* MATERIAL SUPPLIED
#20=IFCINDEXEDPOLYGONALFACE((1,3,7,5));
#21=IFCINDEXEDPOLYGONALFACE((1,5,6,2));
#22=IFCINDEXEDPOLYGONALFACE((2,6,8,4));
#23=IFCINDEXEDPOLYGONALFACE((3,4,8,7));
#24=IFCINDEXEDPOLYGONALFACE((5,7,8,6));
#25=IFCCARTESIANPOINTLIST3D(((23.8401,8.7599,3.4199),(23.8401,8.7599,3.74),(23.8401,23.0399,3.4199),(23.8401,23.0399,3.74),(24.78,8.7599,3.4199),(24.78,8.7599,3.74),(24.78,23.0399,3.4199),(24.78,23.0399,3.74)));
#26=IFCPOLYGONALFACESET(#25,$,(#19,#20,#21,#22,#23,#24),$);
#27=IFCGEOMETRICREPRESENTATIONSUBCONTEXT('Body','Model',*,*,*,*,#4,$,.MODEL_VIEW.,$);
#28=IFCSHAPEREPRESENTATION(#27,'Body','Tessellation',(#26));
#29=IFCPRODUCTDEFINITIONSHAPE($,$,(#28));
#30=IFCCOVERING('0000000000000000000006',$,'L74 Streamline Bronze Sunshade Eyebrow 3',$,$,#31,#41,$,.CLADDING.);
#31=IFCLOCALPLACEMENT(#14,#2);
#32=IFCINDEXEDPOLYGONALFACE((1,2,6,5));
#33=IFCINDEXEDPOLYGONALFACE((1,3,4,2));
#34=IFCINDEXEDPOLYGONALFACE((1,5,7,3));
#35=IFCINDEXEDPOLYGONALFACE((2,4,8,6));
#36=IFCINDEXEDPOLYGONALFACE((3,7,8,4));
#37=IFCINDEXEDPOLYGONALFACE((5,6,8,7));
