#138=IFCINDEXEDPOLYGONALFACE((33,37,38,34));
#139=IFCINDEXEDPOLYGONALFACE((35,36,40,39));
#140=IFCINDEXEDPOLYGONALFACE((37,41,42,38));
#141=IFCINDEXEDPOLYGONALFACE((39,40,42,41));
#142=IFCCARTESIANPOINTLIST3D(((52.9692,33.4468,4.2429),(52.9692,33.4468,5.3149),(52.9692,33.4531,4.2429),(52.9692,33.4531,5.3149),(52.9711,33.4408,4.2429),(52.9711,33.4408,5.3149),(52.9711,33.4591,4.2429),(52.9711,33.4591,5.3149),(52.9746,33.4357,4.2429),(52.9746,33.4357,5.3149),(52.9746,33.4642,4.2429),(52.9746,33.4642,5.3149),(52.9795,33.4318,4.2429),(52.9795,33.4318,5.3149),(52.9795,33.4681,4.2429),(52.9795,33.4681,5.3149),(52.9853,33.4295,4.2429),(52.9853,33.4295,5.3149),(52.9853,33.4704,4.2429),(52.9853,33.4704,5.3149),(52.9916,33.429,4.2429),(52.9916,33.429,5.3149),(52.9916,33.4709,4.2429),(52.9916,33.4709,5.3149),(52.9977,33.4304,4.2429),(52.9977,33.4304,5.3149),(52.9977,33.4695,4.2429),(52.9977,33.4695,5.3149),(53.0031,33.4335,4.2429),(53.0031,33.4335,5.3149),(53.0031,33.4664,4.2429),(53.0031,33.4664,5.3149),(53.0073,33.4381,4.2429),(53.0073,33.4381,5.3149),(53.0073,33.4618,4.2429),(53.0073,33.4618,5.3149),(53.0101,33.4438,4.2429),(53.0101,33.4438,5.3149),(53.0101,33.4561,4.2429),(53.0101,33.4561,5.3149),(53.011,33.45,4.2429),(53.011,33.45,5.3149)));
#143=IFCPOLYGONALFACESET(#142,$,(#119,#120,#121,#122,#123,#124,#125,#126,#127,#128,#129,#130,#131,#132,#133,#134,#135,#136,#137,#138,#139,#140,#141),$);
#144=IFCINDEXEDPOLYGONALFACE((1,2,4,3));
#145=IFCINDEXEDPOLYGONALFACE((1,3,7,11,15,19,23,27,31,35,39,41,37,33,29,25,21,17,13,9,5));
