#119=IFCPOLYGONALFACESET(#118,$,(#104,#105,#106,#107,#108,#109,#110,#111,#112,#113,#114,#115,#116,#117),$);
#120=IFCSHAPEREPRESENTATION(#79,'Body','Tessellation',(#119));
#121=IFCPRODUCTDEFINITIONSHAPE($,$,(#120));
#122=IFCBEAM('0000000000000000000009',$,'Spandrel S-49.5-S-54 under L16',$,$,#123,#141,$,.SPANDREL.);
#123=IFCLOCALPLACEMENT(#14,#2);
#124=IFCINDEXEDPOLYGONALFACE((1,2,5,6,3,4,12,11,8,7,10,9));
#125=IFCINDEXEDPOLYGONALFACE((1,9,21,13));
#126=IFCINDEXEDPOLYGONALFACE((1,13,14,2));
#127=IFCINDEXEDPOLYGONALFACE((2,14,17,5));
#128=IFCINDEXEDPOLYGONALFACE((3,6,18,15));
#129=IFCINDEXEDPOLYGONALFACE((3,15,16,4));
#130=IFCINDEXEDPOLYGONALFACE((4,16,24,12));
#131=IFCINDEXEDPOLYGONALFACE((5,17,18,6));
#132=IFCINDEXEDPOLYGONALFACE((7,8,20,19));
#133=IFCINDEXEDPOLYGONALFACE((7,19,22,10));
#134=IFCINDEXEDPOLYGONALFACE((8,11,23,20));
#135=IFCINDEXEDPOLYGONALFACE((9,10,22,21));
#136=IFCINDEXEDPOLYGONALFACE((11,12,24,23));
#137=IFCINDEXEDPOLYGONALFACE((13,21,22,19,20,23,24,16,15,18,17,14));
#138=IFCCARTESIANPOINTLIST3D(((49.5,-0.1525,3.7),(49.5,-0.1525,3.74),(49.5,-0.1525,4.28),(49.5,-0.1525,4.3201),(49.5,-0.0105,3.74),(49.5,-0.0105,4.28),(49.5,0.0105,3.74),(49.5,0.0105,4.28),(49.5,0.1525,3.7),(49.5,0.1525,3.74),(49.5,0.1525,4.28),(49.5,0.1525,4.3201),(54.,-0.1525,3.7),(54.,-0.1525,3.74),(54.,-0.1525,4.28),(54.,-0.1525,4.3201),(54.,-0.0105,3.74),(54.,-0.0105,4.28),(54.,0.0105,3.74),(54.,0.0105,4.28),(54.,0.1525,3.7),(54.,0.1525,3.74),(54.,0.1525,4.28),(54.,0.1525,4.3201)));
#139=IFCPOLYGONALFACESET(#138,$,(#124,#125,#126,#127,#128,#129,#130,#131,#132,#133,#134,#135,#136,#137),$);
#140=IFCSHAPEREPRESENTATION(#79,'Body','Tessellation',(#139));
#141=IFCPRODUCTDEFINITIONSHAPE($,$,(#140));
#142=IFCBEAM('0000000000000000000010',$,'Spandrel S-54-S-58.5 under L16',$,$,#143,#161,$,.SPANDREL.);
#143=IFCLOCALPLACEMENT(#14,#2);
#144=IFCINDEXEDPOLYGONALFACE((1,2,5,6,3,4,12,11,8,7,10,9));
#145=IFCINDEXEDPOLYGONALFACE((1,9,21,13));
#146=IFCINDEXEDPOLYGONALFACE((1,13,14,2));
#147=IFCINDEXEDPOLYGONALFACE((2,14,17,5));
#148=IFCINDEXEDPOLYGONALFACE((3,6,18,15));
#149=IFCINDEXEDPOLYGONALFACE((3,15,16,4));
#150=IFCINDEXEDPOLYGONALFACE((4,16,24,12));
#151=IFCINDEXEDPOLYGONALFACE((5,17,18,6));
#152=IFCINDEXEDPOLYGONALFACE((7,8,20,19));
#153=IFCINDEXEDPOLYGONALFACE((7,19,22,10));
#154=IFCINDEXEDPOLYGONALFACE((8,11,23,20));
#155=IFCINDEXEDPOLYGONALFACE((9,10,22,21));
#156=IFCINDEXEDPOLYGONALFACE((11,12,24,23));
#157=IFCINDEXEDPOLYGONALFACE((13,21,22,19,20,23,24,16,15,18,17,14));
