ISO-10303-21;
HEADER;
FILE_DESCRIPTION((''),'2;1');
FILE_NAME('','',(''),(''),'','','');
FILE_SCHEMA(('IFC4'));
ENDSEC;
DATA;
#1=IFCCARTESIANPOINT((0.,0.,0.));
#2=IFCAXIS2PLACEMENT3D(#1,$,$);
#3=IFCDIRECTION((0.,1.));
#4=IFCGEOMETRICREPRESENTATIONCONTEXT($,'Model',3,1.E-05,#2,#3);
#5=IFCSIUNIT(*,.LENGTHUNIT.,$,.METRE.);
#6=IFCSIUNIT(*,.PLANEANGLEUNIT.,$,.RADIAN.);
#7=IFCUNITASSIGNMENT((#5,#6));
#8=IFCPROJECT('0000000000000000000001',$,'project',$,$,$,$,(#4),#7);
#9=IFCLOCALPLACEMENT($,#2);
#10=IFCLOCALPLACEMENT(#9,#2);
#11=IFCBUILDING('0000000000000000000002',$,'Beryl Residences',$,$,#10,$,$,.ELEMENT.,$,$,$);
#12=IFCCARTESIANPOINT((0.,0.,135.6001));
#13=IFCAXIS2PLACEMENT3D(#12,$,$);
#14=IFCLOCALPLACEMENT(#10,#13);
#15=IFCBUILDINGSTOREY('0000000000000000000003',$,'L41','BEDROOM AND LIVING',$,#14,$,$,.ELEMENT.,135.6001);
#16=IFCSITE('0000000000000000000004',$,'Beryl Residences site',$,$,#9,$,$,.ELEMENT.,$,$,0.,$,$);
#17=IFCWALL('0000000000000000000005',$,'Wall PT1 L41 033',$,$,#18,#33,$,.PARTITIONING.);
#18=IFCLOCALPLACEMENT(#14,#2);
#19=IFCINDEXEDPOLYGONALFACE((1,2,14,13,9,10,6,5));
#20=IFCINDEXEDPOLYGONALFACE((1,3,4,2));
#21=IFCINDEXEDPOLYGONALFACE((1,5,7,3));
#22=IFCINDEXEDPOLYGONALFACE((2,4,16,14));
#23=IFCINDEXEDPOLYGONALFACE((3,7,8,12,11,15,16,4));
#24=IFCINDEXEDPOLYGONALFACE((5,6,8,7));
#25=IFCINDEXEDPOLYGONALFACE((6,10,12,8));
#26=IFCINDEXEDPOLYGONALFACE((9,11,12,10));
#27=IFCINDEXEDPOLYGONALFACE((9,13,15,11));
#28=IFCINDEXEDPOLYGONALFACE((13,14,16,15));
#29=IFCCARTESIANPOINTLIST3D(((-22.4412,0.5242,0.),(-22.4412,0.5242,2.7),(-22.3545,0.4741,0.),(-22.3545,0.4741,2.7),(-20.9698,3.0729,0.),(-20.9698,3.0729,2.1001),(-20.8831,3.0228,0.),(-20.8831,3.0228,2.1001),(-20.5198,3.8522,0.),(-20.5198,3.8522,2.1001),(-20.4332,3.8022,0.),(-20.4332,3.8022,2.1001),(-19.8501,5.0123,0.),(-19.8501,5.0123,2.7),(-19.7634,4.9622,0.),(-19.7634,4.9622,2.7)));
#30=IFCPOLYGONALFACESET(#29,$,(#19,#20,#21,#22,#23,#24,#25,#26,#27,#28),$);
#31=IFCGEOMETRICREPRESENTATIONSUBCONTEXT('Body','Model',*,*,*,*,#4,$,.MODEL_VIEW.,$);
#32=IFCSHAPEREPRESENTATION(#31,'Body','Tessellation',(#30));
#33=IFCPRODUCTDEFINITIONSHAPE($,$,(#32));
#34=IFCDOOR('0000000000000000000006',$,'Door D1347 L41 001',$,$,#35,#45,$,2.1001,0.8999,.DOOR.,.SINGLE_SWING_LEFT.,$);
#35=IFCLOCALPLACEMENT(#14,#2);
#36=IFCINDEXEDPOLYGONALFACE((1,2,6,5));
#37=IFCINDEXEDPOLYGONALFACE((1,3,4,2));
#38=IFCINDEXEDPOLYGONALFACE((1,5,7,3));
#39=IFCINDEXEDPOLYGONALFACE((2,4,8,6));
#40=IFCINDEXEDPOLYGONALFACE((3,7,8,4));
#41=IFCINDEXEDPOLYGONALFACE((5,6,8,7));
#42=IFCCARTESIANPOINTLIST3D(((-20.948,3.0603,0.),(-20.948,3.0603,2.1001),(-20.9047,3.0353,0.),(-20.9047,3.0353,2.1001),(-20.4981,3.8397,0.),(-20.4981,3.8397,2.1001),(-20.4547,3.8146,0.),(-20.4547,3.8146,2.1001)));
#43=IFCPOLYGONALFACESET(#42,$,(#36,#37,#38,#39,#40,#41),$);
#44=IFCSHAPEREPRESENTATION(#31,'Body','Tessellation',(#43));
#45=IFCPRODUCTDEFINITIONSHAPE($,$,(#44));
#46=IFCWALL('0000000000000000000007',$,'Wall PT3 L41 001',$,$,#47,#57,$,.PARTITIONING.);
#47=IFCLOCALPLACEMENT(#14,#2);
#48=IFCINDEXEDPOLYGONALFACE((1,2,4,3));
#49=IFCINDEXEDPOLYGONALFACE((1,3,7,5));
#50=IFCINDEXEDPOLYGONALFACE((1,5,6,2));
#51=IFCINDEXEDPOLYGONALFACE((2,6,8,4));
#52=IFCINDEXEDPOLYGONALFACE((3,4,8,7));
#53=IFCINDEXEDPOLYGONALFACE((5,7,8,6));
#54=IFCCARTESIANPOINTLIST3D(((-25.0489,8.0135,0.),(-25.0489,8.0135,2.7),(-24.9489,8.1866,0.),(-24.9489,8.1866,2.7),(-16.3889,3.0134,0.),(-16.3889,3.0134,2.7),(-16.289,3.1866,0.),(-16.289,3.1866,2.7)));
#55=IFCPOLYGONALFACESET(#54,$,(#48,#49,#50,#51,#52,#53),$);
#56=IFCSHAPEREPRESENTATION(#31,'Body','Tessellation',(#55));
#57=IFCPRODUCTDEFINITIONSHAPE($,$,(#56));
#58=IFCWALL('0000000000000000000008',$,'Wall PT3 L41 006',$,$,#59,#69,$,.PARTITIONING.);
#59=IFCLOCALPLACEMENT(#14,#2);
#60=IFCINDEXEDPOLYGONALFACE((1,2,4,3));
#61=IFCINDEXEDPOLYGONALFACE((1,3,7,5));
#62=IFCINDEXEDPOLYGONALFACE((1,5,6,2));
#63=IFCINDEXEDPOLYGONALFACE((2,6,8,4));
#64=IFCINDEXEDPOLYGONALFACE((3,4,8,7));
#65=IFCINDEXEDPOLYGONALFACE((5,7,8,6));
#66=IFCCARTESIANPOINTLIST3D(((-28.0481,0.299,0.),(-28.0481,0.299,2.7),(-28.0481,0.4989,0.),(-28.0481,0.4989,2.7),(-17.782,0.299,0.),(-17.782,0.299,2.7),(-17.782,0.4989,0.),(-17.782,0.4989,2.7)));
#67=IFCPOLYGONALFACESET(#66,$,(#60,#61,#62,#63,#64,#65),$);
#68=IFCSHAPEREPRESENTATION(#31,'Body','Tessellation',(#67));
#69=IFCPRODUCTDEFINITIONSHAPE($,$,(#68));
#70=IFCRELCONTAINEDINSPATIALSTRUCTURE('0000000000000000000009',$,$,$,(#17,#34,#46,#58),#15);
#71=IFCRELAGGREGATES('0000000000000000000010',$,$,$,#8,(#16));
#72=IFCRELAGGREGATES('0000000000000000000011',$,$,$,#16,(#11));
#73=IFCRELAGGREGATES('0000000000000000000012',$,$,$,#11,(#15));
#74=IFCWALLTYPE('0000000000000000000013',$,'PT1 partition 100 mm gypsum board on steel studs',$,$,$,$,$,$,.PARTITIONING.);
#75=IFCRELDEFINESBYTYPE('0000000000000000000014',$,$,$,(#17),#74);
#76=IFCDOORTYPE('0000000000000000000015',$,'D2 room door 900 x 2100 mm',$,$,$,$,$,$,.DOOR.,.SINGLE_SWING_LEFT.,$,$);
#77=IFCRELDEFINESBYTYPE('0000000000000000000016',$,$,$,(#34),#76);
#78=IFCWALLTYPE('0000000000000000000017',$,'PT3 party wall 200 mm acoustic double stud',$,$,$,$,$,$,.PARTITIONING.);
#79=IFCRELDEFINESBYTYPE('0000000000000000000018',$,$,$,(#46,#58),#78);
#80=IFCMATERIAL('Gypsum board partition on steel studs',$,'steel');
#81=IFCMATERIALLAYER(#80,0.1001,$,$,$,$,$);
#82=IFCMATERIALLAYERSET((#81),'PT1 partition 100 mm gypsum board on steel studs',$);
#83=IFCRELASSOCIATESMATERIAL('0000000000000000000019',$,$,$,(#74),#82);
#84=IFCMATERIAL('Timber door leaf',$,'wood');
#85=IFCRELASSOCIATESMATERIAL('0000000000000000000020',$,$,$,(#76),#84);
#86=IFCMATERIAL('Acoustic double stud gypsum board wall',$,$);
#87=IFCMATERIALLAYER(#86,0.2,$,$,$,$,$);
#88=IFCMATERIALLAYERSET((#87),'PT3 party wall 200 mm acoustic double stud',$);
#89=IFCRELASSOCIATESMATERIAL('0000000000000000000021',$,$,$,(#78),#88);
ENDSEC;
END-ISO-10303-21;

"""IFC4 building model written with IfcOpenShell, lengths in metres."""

from ifc_helpers import new_model, si_unit, direction, frame, frame_2d, origin, place, context, subcontext, project, spatial, rectangle, extrude, material, layer, layer_set, type_object, element, fill, save


model = new_model("IFC4")

# Units and contexts
model_context = context("Model", 3, precision=1e-05, world=origin(), true_north=direction((0.0, 1.0)))
body_context = subcontext(model_context, "Body", "Model", "MODEL_VIEW")
ifc_project = project(units=[si_unit("LENGTHUNIT", "METRE"), si_unit("PLANEANGLEUNIT", "RADIAN")], contexts=[model_context])

# Site, building, storey
site_placement = place(None, origin())
site = spatial("IfcSite", under=ifc_project, at=site_placement, Name="Beryl Residences site", CompositionType="ELEMENT", RefElevation=0.0)
building_placement = place(site_placement, origin())
building = spatial("IfcBuilding", under=site, at=building_placement, Name="Beryl Residences", CompositionType="ELEMENT")
storey_placement = place(building_placement, frame((0.0, 0.0, 135.6001)))
storey = spatial("IfcBuildingStorey", under=building, at=storey_placement, Name="L41", Description="BEDROOM AND LIVING", CompositionType="ELEMENT", Elevation=135.6001)

# Shared definitions
ifc_material_1 = material(Name="Gypsum board partition on steel studs", Category="steel")
ifc_layer_1 = layer(ifc_material_1, 0.1001)
ifc_layer_set_1 = layer_set([ifc_layer_1], Name="PT1 partition 100 mm gypsum board on steel studs")
wall_type_1 = type_object("IfcWallType", Name="PT1 partition 100 mm gypsum board on steel studs", PredefinedType="PARTITIONING", material=ifc_layer_set_1)

# Shared definitions
ifc_material_2 = material(Name="Timber door leaf", Category="wood")
door_type = type_object("IfcDoorType", Name="D2 room door 900 x 2100 mm", OperationType="SINGLE_SWING_LEFT", PredefinedType="DOOR", material=ifc_material_2)

# Wall, opening, door
wall_1_placement = place(storey_placement, frame((-22.3979, 0.499, 0.0), z_axis=(0.0, 0.0, 1.0), x_axis=(0.499985, 0.866034, 0.0)))
wall_1 = element("IfcWall", 1, at=wall_1_placement, inside=storey, type_object=wall_type_1, Name="Wall PT1 L41 033", PredefinedType="PARTITIONING", context=body_context, shape_type="SweptSolid", body=[
    extrude(rectangle(XDim=5.1824, YDim=0.1001, at=frame_2d((2.5913, 0.0))), origin(), (0.0, 0.0, 1.0), 2.7),
])
opening_1_placement = place(wall_1_placement, frame((2.9431, 0.0, 0.0)))
opening_1 = element("IfcOpeningElement", 2, at=opening_1_placement, cuts=wall_1, PredefinedType="OPENING", context=body_context, shape_type="SweptSolid", body=[
    extrude(rectangle(XDim=0.8999, YDim=2.1001, at=frame_2d((0.45, 1.05))), frame((0.0, 0.0601, 0.0), z_axis=(0.0, -1.0, 0.0), x_axis=(1.0, 0.0, 0.0)), (0.0, 0.0, 1.0), 0.1201),
])
door_1_placement = place(opening_1_placement, origin())
door_1 = element("IfcDoor", 3, at=door_1_placement, inside=storey, type_object=door_type, Name="Door D1347 L41 001", OperationType="SINGLE_SWING_LEFT", OverallHeight=2.1001, OverallWidth=0.8999, PredefinedType="DOOR", context=body_context, shape_type="SweptSolid", body=[
    extrude(rectangle(XDim=0.8999, YDim=2.1001, at=frame_2d((0.45, 1.05))), frame((0.0, 0.0249, 0.0), z_axis=(0.0, -1.0, 0.0), x_axis=(1.0, 0.0, 0.0)), (0.0, 0.0, 1.0), 0.05),
])
fill(opening_1, door_1)

# Walls
ifc_material_3 = material(Name="Acoustic double stud gypsum board wall")
ifc_layer_2 = layer(ifc_material_3, 0.2)
ifc_layer_set_2 = layer_set([ifc_layer_2], Name="PT3 party wall 200 mm acoustic double stud")
wall_type_2 = type_object("IfcWallType", Name="PT3 party wall 200 mm acoustic double stud", PredefinedType="PARTITIONING", material=ifc_layer_set_2)
wall_2_placement = place(storey_placement, frame((-24.999, 8.1001, 0.0), z_axis=(0.0, 0.0, 1.0), x_axis=(0.866017, -0.500015, 0.0)))
element("IfcWall", 4, at=wall_2_placement, inside=storey, type_object=wall_type_2, Name="Wall PT3 L41 001", PredefinedType="PARTITIONING", context=body_context, shape_type="SweptSolid", body=[
    extrude(rectangle(XDim=9.9998, YDim=0.2, at=frame_2d((5.0, 0.0))), origin(), (0.0, 0.0, 1.0), 2.7),
])
wall_3_placement = place(storey_placement, frame((-28.0481, 0.3989, 0.0), z_axis=(0.0, 0.0, 1.0), x_axis=(1.0, 0.0, 0.0)))
element("IfcWall", 5, at=wall_3_placement, inside=storey, type_object=wall_type_2, Name="Wall PT3 L41 006", PredefinedType="PARTITIONING", context=body_context, shape_type="SweptSolid", body=[
    extrude(rectangle(XDim=10.2661, YDim=0.2, at=frame_2d((5.1331, 0.0))), origin(), (0.0, 0.0, 1.0), 2.7),
])

save(model, "model.ifc")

* PROBLEM TO SOLVE
All lines above from the one holding "#22=IFCINDEXEDPOLYGONALFACE((2,4,16,14));" to the one holding "#45=IFCPRODUCTDEFINITIONSHAPE($,$,(#44));", inclusive, are to be copied exactly; no other line is wanted.

* ANSWER TO THE PROBLEM
#22=IFCINDEXEDPOLYGONALFACE((2,4,16,14));
#23=IFCINDEXEDPOLYGONALFACE((3,7,8,12,11,15,16,4));
#24=IFCINDEXEDPOLYGONALFACE((5,6,8,7));
#25=IFCINDEXEDPOLYGONALFACE((6,10,12,8));
#26=IFCINDEXEDPOLYGONALFACE((9,11,12,10));
#27=IFCINDEXEDPOLYGONALFACE((9,13,15,11));
#28=IFCINDEXEDPOLYGONALFACE((13,14,16,15));
#29=IFCCARTESIANPOINTLIST3D(((-22.4412,0.5242,0.),(-22.4412,0.5242,2.7),(-22.3545,0.4741,0.),(-22.3545,0.4741,2.7),(-20.9698,3.0729,0.),(-20.9698,3.0729,2.1001),(-20.8831,3.0228,0.),(-20.8831,3.0228,2.1001),(-20.5198,3.8522,0.),(-20.5198,3.8522,2.1001),(-20.4332,3.8022,0.),(-20.4332,3.8022,2.1001),(-19.8501,5.0123,0.),(-19.8501,5.0123,2.7),(-19.7634,4.9622,0.),(-19.7634,4.9622,2.7)));
#30=IFCPOLYGONALFACESET(#29,$,(#19,#20,#21,#22,#23,#24,#25,#26,#27,#28),$);
#31=IFCGEOMETRICREPRESENTATIONSUBCONTEXT('Body','Model',*,*,*,*,#4,$,.MODEL_VIEW.,$);
#32=IFCSHAPEREPRESENTATION(#31,'Body','Tessellation',(#30));
#33=IFCPRODUCTDEFINITIONSHAPE($,$,(#32));
#34=IFCDOOR('0000000000000000000006',$,'Door D1347 L41 001',$,$,#35,#45,$,2.1001,0.8999,.DOOR.,.SINGLE_SWING_LEFT.,$);
#35=IFCLOCALPLACEMENT(#14,#2);
#36=IFCINDEXEDPOLYGONALFACE((1,2,6,5));
#37=IFCINDEXEDPOLYGONALFACE((1,3,4,2));
#38=IFCINDEXEDPOLYGONALFACE((1,5,7,3));
#39=IFCINDEXEDPOLYGONALFACE((2,4,8,6));
#40=IFCINDEXEDPOLYGONALFACE((3,7,8,4));
#41=IFCINDEXEDPOLYGONALFACE((5,6,8,7));
#42=IFCCARTESIANPOINTLIST3D(((-20.948,3.0603,0.),(-20.948,3.0603,2.1001),(-20.9047,3.0353,0.),(-20.9047,3.0353,2.1001),(-20.4981,3.8397,0.),(-20.4981,3.8397,2.1001),(-20.4547,3.8146,0.),(-20.4547,3.8146,2.1001)));
#43=IFCPOLYGONALFACESET(#42,$,(#36,#37,#38,#39,#40,#41),$);
#44=IFCSHAPEREPRESENTATION(#31,'Body','Tessellation',(#43));
#45=IFCPRODUCTDEFINITIONSHAPE($,$,(#44));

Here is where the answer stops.